Match on the string "LongName" in the entries below and return every matching line.

(Dataset entries)

────────────────────────────────────────

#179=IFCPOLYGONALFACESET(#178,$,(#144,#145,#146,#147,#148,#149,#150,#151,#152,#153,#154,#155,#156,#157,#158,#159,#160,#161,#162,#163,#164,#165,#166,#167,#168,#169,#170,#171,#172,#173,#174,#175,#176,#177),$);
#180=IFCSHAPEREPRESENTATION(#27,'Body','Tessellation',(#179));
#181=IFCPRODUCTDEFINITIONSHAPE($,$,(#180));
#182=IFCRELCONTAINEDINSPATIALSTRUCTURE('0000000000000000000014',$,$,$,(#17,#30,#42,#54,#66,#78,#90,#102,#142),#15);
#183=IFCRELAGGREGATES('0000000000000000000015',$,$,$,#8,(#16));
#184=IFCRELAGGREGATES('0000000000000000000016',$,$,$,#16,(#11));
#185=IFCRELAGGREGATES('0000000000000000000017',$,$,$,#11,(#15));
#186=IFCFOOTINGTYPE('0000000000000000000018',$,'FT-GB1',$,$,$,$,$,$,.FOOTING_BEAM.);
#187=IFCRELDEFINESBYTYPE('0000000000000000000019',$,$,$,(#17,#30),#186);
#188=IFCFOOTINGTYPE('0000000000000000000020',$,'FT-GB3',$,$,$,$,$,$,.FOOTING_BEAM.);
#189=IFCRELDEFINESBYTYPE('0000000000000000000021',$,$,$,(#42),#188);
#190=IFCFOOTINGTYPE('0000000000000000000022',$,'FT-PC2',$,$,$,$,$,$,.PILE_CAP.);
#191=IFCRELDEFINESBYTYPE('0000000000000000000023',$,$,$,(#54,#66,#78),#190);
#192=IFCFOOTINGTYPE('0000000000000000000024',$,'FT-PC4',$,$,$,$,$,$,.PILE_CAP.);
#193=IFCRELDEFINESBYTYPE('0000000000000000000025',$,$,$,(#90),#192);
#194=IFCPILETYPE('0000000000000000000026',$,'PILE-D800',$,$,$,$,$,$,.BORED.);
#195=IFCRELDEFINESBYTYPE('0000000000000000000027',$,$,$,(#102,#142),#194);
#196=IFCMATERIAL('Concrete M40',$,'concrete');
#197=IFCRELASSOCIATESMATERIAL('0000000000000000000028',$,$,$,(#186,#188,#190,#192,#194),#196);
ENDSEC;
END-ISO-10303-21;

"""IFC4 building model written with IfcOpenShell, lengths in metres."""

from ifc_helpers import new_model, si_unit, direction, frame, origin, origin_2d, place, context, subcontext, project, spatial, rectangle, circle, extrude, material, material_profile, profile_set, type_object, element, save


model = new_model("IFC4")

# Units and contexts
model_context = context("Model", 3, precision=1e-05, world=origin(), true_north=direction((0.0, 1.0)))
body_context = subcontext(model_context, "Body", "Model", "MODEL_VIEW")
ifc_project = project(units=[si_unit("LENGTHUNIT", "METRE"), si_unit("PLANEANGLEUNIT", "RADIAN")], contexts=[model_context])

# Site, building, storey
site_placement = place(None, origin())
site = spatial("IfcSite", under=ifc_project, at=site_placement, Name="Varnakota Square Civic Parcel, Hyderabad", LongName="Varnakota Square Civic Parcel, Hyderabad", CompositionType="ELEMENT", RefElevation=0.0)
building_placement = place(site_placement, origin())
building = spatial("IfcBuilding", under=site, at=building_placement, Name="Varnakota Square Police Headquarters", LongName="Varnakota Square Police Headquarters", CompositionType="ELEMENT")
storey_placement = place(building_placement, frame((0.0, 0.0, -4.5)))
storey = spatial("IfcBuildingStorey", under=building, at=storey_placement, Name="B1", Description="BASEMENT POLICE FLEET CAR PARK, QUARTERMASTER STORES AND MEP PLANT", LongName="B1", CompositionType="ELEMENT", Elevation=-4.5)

────────────────────────────────────────

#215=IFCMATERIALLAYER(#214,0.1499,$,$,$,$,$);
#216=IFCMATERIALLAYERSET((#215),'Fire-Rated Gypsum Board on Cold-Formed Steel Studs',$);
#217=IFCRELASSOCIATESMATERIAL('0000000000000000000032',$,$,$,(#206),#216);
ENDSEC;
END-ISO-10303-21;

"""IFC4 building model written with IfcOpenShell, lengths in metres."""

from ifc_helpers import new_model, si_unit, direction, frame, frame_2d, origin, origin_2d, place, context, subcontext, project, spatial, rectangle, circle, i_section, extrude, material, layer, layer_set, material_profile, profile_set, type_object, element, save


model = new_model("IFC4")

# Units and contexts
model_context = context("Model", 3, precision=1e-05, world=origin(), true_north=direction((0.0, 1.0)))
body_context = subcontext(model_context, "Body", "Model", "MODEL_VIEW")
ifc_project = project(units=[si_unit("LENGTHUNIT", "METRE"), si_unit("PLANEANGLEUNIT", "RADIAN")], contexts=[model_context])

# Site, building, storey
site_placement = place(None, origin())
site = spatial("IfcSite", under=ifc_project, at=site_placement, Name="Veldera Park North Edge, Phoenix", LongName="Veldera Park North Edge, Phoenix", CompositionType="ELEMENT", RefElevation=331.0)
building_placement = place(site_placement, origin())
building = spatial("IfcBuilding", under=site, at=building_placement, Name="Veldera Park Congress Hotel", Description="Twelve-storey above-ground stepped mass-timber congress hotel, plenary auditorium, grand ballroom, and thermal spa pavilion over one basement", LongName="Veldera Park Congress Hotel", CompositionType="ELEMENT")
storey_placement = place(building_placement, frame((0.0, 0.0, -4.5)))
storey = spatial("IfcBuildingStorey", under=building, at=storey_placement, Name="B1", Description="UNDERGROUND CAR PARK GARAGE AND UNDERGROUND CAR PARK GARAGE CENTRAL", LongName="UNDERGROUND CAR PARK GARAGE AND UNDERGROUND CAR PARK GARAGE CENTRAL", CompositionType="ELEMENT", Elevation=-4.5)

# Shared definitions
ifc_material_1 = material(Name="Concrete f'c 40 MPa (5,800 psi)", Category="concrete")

────────────────────────────────────────

* [TASK RESPONSE]
site = spatial("IfcSite", under=ifc_project, at=site_placement, Name="Varnakota Square Civic Parcel, Hyderabad", LongName="Varnakota Square Civic Parcel, Hyderabad", CompositionType="ELEMENT", RefElevation=0.0)
building = spatial("IfcBuilding", under=site, at=building_placement, Name="Varnakota Square Police Headquarters", LongName="Varnakota Square Police Headquarters", CompositionType="ELEMENT")
storey = spatial("IfcBuildingStorey", under=building, at=storey_placement, Name="B1", Description="BASEMENT POLICE FLEET CAR PARK, QUARTERMASTER STORES AND MEP PLANT", LongName="B1", CompositionType="ELEMENT", Elevation=-4.5)
site = spatial("IfcSite", under=ifc_project, at=site_placement, Name="Veldera Park North Edge, Phoenix", LongName="Veldera Park North Edge, Phoenix", CompositionType="ELEMENT", RefElevation=331.0)
building = spatial("IfcBuilding", under=site, at=building_placement, Name="Veldera Park Congress Hotel", Description="Twelve-storey above-ground stepped mass-timber congress hotel, plenary auditorium, grand ballroom, and thermal spa pavilion over one basement", LongName="Veldera Park Congress Hotel", CompositionType="ELEMENT")
storey = spatial("IfcBuildingStorey", under=building, at=storey_placement, Name="B1", Description="UNDERGROUND CAR PARK GARAGE AND UNDERGROUND CAR PARK GARAGE CENTRAL", LongName="UNDERGROUND CAR PARK GARAGE AND UNDERGROUND CAR PARK GARAGE CENTRAL", CompositionType="ELEMENT", Elevation=-4.5)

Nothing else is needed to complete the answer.